[Records drawn from a dataset]
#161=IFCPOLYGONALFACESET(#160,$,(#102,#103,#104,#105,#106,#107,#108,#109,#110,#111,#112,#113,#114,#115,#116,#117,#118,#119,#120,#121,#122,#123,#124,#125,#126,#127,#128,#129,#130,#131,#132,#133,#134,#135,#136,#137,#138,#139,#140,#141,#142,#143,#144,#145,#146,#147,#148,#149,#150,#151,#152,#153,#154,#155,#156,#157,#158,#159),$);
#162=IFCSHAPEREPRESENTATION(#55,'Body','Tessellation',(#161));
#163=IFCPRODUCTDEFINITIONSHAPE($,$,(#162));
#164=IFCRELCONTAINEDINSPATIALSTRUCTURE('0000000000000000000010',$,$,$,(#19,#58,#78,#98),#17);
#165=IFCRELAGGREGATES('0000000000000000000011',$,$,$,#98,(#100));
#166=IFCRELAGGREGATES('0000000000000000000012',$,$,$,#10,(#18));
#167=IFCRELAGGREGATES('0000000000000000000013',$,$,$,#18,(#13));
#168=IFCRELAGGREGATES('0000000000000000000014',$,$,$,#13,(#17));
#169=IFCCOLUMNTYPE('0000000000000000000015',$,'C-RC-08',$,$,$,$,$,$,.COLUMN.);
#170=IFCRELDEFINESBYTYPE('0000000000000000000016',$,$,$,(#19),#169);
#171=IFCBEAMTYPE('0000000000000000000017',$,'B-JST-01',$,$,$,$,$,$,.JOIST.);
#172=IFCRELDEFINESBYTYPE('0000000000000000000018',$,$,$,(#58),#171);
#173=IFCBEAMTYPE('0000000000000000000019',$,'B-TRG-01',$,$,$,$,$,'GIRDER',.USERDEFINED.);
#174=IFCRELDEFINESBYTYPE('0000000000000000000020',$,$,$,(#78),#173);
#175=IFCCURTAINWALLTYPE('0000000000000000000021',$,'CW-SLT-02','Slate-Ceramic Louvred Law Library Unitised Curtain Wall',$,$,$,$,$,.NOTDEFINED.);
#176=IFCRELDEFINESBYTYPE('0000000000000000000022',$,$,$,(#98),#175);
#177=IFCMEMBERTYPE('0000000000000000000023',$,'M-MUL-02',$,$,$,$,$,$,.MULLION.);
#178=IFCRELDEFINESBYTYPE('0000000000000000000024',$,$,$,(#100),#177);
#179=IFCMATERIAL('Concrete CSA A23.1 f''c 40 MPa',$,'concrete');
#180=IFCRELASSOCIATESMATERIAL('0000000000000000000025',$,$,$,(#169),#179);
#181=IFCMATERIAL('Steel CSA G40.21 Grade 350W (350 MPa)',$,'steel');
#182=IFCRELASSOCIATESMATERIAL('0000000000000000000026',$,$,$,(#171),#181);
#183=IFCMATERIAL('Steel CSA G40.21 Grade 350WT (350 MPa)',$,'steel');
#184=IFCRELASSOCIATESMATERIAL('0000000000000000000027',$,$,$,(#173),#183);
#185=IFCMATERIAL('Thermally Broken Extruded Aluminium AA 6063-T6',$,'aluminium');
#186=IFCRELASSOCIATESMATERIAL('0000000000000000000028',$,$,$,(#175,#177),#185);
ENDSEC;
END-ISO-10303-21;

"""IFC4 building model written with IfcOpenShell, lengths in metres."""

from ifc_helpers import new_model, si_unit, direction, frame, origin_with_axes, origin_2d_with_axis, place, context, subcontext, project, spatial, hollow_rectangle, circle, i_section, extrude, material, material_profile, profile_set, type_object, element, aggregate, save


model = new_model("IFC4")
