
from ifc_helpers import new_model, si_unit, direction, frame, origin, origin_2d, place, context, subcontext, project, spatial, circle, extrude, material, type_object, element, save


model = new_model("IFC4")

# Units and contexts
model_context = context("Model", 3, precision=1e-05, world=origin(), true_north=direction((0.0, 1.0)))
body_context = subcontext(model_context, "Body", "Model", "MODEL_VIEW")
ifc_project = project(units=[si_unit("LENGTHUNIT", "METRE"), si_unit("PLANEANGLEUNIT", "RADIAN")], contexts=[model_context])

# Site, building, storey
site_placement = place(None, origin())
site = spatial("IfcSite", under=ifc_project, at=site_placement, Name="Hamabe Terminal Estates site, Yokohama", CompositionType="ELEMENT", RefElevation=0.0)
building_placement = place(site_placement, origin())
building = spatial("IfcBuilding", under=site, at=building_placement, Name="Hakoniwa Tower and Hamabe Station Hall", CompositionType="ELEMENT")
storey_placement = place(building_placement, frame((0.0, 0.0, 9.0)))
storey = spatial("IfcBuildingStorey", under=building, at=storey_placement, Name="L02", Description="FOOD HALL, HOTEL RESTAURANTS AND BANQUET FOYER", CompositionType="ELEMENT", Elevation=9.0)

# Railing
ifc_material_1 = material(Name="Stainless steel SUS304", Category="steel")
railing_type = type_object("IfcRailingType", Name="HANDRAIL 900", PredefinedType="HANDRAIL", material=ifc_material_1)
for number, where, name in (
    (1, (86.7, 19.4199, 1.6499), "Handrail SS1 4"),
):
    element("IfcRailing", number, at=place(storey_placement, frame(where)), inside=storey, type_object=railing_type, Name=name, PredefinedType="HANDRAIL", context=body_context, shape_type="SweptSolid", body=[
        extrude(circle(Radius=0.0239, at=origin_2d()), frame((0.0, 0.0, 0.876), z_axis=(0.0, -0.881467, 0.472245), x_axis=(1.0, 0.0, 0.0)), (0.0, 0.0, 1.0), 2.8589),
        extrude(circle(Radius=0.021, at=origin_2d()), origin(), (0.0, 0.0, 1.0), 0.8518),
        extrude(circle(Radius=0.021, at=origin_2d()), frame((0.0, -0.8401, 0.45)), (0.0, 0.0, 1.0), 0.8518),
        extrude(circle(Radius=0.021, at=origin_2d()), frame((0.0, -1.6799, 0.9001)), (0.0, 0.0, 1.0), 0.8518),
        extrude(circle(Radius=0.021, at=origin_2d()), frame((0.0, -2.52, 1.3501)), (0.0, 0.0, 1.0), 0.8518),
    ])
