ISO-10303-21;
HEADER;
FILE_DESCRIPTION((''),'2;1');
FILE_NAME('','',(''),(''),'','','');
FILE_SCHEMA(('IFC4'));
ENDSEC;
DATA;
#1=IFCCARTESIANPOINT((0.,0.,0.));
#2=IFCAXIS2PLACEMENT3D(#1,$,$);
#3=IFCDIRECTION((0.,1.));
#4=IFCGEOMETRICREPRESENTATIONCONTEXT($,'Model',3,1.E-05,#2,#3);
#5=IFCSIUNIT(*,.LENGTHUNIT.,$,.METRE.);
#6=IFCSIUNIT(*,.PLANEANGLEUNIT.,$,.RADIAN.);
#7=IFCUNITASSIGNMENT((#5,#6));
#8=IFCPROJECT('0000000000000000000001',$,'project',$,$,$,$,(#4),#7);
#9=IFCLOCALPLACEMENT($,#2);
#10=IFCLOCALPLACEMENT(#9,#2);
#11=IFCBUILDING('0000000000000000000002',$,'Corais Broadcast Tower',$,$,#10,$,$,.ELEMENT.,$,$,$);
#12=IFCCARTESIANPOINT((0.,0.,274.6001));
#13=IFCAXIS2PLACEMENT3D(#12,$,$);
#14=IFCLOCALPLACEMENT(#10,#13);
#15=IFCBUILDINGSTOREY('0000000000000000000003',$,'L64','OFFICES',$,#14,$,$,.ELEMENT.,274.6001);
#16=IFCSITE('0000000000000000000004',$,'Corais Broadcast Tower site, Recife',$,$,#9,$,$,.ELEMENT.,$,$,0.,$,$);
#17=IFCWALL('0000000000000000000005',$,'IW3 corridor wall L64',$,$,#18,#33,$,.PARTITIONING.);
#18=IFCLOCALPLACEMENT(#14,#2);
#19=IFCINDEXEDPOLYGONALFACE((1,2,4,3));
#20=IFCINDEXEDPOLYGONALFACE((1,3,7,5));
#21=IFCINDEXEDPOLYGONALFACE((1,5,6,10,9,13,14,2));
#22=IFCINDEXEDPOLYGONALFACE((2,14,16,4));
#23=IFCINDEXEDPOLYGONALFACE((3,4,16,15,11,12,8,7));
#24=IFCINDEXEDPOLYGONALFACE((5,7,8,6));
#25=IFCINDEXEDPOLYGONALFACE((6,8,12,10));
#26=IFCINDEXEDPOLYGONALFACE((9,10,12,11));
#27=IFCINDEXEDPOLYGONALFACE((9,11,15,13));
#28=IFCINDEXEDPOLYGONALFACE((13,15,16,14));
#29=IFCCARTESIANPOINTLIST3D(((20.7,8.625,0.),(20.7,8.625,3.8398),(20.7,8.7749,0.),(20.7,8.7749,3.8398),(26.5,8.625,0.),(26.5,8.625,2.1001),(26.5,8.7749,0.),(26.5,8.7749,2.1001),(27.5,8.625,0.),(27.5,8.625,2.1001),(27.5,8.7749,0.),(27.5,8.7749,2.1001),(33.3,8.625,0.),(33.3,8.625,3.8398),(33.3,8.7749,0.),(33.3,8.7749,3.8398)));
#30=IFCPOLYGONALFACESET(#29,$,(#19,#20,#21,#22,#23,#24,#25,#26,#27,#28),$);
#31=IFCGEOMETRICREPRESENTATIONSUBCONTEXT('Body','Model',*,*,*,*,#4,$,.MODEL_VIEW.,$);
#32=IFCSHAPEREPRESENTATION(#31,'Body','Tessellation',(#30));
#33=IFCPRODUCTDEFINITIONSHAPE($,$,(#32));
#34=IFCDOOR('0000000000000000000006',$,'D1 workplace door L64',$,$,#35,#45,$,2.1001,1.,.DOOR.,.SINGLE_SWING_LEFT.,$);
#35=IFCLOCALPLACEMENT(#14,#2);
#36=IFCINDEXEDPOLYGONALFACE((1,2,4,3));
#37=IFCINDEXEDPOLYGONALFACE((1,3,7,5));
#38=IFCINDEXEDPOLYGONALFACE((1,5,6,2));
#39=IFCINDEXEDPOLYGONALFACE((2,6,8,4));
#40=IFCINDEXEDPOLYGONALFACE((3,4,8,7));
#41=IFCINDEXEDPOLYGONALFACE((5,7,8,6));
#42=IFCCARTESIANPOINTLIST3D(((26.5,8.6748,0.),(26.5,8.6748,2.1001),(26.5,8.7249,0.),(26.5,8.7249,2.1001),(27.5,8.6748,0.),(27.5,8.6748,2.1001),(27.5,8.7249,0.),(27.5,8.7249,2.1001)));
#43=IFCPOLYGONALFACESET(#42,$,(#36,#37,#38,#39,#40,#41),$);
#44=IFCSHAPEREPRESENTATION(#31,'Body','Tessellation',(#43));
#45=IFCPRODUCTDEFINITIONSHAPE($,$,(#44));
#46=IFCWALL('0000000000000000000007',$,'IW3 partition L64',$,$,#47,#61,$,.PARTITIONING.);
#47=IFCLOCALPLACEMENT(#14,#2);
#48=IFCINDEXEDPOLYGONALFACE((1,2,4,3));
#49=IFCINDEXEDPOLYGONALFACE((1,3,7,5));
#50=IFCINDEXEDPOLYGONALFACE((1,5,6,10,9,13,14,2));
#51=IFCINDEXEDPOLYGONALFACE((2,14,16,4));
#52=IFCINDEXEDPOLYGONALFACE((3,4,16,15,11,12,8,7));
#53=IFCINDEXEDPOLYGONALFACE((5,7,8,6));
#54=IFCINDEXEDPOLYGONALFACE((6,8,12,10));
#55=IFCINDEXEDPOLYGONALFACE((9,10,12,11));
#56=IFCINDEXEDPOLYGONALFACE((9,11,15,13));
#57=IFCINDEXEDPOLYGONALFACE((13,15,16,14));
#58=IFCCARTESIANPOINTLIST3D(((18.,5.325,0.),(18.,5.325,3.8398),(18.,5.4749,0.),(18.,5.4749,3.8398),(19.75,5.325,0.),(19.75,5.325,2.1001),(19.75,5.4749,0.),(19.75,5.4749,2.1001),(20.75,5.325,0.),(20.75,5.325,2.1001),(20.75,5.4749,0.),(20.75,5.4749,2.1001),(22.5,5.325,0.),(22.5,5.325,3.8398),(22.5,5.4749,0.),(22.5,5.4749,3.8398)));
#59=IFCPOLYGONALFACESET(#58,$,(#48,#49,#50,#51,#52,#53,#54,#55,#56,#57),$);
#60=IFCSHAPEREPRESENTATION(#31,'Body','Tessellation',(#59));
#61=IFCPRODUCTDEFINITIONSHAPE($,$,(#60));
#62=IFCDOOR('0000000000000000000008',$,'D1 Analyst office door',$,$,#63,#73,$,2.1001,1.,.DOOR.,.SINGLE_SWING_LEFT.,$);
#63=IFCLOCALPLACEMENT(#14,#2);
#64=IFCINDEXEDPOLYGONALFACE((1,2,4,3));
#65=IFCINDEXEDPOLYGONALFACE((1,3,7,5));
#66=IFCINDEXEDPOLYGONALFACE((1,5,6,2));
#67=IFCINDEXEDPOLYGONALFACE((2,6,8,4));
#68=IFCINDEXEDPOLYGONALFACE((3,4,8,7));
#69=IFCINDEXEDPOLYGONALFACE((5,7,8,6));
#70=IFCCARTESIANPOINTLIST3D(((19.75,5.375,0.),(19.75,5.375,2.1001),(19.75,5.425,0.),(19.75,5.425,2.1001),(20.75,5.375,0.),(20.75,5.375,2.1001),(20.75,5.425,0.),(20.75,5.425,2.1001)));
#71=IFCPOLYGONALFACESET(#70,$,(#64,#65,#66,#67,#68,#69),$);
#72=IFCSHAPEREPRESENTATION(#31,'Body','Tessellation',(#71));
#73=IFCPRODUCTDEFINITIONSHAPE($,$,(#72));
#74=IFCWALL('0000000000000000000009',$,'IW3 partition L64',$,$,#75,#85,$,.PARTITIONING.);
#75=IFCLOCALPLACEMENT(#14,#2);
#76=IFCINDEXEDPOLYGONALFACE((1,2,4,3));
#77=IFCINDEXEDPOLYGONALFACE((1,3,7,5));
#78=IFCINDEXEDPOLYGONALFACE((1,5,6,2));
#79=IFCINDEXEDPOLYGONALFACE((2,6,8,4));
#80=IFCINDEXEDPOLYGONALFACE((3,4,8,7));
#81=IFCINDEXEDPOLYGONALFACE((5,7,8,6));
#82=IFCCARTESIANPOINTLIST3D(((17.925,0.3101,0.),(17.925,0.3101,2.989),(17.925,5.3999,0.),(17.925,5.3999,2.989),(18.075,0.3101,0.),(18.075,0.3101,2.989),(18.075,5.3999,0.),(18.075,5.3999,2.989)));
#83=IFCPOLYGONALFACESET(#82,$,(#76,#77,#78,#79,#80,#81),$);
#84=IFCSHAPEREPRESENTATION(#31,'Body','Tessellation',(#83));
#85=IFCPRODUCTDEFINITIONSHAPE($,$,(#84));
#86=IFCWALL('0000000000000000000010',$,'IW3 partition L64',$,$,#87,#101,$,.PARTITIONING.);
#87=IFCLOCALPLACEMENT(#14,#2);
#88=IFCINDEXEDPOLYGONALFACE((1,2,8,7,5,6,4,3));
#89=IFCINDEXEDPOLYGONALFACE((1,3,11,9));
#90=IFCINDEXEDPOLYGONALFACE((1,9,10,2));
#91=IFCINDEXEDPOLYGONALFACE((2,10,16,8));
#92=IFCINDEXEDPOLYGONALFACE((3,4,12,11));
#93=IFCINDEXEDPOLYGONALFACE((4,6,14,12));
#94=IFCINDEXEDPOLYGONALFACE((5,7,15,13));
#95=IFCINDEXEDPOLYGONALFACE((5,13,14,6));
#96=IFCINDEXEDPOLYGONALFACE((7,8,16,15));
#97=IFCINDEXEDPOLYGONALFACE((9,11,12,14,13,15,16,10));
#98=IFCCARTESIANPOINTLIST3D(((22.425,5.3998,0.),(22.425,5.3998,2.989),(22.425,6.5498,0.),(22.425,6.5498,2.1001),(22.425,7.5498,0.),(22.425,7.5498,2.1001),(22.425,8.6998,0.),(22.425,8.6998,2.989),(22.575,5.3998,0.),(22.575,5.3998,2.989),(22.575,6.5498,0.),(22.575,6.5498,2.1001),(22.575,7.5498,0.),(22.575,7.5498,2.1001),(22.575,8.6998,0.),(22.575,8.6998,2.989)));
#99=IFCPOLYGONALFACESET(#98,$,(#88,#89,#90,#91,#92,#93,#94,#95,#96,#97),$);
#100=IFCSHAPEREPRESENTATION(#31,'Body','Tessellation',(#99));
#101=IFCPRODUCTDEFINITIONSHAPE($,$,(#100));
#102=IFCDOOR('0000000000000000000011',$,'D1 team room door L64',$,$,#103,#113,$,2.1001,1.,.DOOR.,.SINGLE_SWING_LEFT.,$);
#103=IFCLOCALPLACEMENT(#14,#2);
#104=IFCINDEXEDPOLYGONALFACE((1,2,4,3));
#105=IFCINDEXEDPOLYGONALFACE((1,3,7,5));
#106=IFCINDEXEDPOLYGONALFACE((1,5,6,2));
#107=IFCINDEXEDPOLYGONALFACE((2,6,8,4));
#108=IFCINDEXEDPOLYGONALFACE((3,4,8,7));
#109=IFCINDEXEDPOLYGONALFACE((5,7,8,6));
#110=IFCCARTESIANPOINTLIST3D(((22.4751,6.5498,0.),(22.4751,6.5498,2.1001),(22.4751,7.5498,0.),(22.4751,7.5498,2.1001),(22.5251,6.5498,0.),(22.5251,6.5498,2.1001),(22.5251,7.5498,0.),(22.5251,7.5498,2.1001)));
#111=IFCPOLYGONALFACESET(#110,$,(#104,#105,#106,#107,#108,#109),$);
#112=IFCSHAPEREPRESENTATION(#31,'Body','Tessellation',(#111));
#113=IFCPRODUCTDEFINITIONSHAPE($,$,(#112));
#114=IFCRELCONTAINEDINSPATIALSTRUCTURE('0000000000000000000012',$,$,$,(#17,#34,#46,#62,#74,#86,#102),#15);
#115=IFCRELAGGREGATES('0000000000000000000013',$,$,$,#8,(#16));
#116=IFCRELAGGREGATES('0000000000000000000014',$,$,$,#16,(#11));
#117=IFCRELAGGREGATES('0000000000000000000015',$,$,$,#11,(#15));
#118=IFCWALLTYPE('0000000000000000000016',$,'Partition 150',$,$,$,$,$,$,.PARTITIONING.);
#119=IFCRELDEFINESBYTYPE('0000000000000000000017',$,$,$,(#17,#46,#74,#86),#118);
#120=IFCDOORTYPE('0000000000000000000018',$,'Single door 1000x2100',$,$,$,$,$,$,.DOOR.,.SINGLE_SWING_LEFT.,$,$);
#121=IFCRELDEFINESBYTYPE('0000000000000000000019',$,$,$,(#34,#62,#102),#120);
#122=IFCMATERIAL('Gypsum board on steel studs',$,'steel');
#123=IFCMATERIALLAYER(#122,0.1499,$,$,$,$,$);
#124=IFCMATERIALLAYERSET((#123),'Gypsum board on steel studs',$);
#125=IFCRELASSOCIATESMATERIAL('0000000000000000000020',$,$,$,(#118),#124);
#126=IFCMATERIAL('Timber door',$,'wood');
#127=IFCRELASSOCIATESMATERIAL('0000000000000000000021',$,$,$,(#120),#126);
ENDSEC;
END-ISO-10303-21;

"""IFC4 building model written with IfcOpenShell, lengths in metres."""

from ifc_helpers import new_model, si_unit, direction, frame, frame_2d, origin, place, context, subcontext, project, spatial, rectangle, extrude, material, layer, layer_set, type_object, element, fill, save


model = new_model("IFC4")

# Units and contexts
model_context = context("Model", 3, precision=1e-05, world=origin(), true_north=direction((0.0, 1.0)))
body_context = subcontext(model_context, "Body", "Model", "MODEL_VIEW")
ifc_project = project(units=[si_unit("LENGTHUNIT", "METRE"), si_unit("PLANEANGLEUNIT", "RADIAN")], contexts=[model_context])

# Site, building, storey
site_placement = place(None, origin())
site = spatial("IfcSite", under=ifc_project, at=site_placement, Name="Corais Broadcast Tower site, Recife", CompositionType="ELEMENT", RefElevation=0.0)
building_placement = place(site_placement, origin())
building = spatial("IfcBuilding", under=site, at=building_placement, Name="Corais Broadcast Tower", CompositionType="ELEMENT")
storey_placement = place(building_placement, frame((0.0, 0.0, 274.6001)))
storey = spatial("IfcBuildingStorey", under=building, at=storey_placement, Name="L64", Description="OFFICES", CompositionType="ELEMENT", Elevation=274.6001)

# Walls, openings, doors
ifc_material_1 = material(Name="Gypsum board on steel studs", Category="steel")
ifc_layer_1 = layer(ifc_material_1, 0.1499)
ifc_layer_set_1 = layer_set([ifc_layer_1], Name="Gypsum board on steel studs")
wall_type = type_object("IfcWallType", Name="Partition 150", PredefinedType="PARTITIONING", material=ifc_layer_set_1)
wall_1_placement = place(storey_placement, frame((20.7, 8.7, 0.0), z_axis=(0.0, 0.0, 1.0), x_axis=(1.0, 0.0, 0.0)))
wall_1 = element("IfcWall", 1, at=wall_1_placement, inside=storey, type_object=wall_type, Name="IW3 corridor wall L64", PredefinedType="PARTITIONING", context=body_context, shape_type="SweptSolid", body=[
    extrude(rectangle(XDim=12.6001, YDim=0.1499, at=frame_2d((6.3, 0.0))), origin(), (0.0, 0.0, 1.0), 3.8398),
])
opening_1_placement = place(wall_1_placement, frame((5.8, 0.0, 0.0)))
opening_1 = element("IfcOpeningElement", 2, at=opening_1_placement, cuts=wall_1, PredefinedType="OPENING", context=body_context, shape_type="SweptSolid", body=[
    extrude(rectangle(XDim=1.0, YDim=2.1001, at=frame_2d((0.5, 1.05))), frame((0.0, 0.085, 0.0), z_axis=(0.0, -1.0, 0.0), x_axis=(1.0, 0.0, 0.0)), (0.0, 0.0, 1.0), 0.1699),
])
ifc_material_2 = material(Name="Timber door", Category="wood")
door_type = type_object("IfcDoorType", Name="Single door 1000x2100", OperationType="SINGLE_SWING_LEFT", PredefinedType="DOOR", material=ifc_material_2)
door_1_placement = place(opening_1_placement, origin())
door_1 = element("IfcDoor", 3, at=door_1_placement, inside=storey, type_object=door_type, Name="D1 workplace door L64", OperationType="SINGLE_SWING_LEFT", OverallHeight=2.1001, OverallWidth=1.0, PredefinedType="DOOR", context=body_context, shape_type="SweptSolid", body=[
    extrude(rectangle(XDim=1.0, YDim=2.1001, at=frame_2d((0.5, 1.05))), frame((0.0, 0.0249, 0.0), z_axis=(0.0, -1.0, 0.0), x_axis=(1.0, 0.0, 0.0)), (0.0, 0.0, 1.0), 0.05),
])
fill(opening_1, door_1)
wall_2_placement = place(storey_placement, frame((22.5, 5.3999, 0.0), z_axis=(0.0, 0.0, 1.0), x_axis=(-1.0, 0.0, 0.0)))
wall_2 = element("IfcWall", 4, at=wall_2_placement, inside=storey, type_object=wall_type, Name="IW3 partition L64", PredefinedType="PARTITIONING", context=body_context, shape_type="SweptSolid", body=[
    extrude(rectangle(XDim=4.5, YDim=0.1499, at=frame_2d((2.25, 0.0))), origin(), (0.0, 0.0, 1.0), 3.8398),
])
opening_2_placement = place(wall_2_placement, frame((1.75, 0.0, 0.0)))
opening_2 = element("IfcOpeningElement", 5, at=opening_2_placement, cuts=wall_2, PredefinedType="OPENING", context=body_context, shape_type="SweptSolid", body=[
    extrude(rectangle(XDim=1.0, YDim=2.1001, at=frame_2d((0.5, 1.05))), frame((0.0, 0.085, 0.0), z_axis=(0.0, -1.0, 0.0), x_axis=(1.0, 0.0, 0.0)), (0.0, 0.0, 1.0), 0.1699),
])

Problem to work on:
Please give an exact copy of the lines above, beginning with the line containing "#45=IFCPRODUCTDEFINITIONSHAPE($,$,(#44));" and running through the line containing "#61=IFCPRODUCTDEFINITIONSHAPE($,$,(#60));", and of no other lines.

Written answer:
#45=IFCPRODUCTDEFINITIONSHAPE($,$,(#44));
#46=IFCWALL('0000000000000000000007',$,'IW3 partition L64',$,$,#47,#61,$,.PARTITIONING.);
#47=IFCLOCALPLACEMENT(#14,#2);
#48=IFCINDEXEDPOLYGONALFACE((1,2,4,3));
#49=IFCINDEXEDPOLYGONALFACE((1,3,7,5));
#50=IFCINDEXEDPOLYGONALFACE((1,5,6,10,9,13,14,2));
#51=IFCINDEXEDPOLYGONALFACE((2,14,16,4));
#52=IFCINDEXEDPOLYGONALFACE((3,4,16,15,11,12,8,7));
#53=IFCINDEXEDPOLYGONALFACE((5,7,8,6));
#54=IFCINDEXEDPOLYGONALFACE((6,8,12,10));
#55=IFCINDEXEDPOLYGONALFACE((9,10,12,11));
#56=IFCINDEXEDPOLYGONALFACE((9,11,15,13));
#57=IFCINDEXEDPOLYGONALFACE((13,15,16,14));
#58=IFCCARTESIANPOINTLIST3D(((18.,5.325,0.),(18.,5.325,3.8398),(18.,5.4749,0.),(18.,5.4749,3.8398),(19.75,5.325,0.),(19.75,5.325,2.1001),(19.75,5.4749,0.),(19.75,5.4749,2.1001),(20.75,5.325,0.),(20.75,5.325,2.1001),(20.75,5.4749,0.),(20.75,5.4749,2.1001),(22.5,5.325,0.),(22.5,5.325,3.8398),(22.5,5.4749,0.),(22.5,5.4749,3.8398)));
#59=IFCPOLYGONALFACESET(#58,$,(#48,#49,#50,#51,#52,#53,#54,#55,#56,#57),$);
#60=IFCSHAPEREPRESENTATION(#31,'Body','Tessellation',(#59));
#61=IFCPRODUCTDEFINITIONSHAPE($,$,(#60));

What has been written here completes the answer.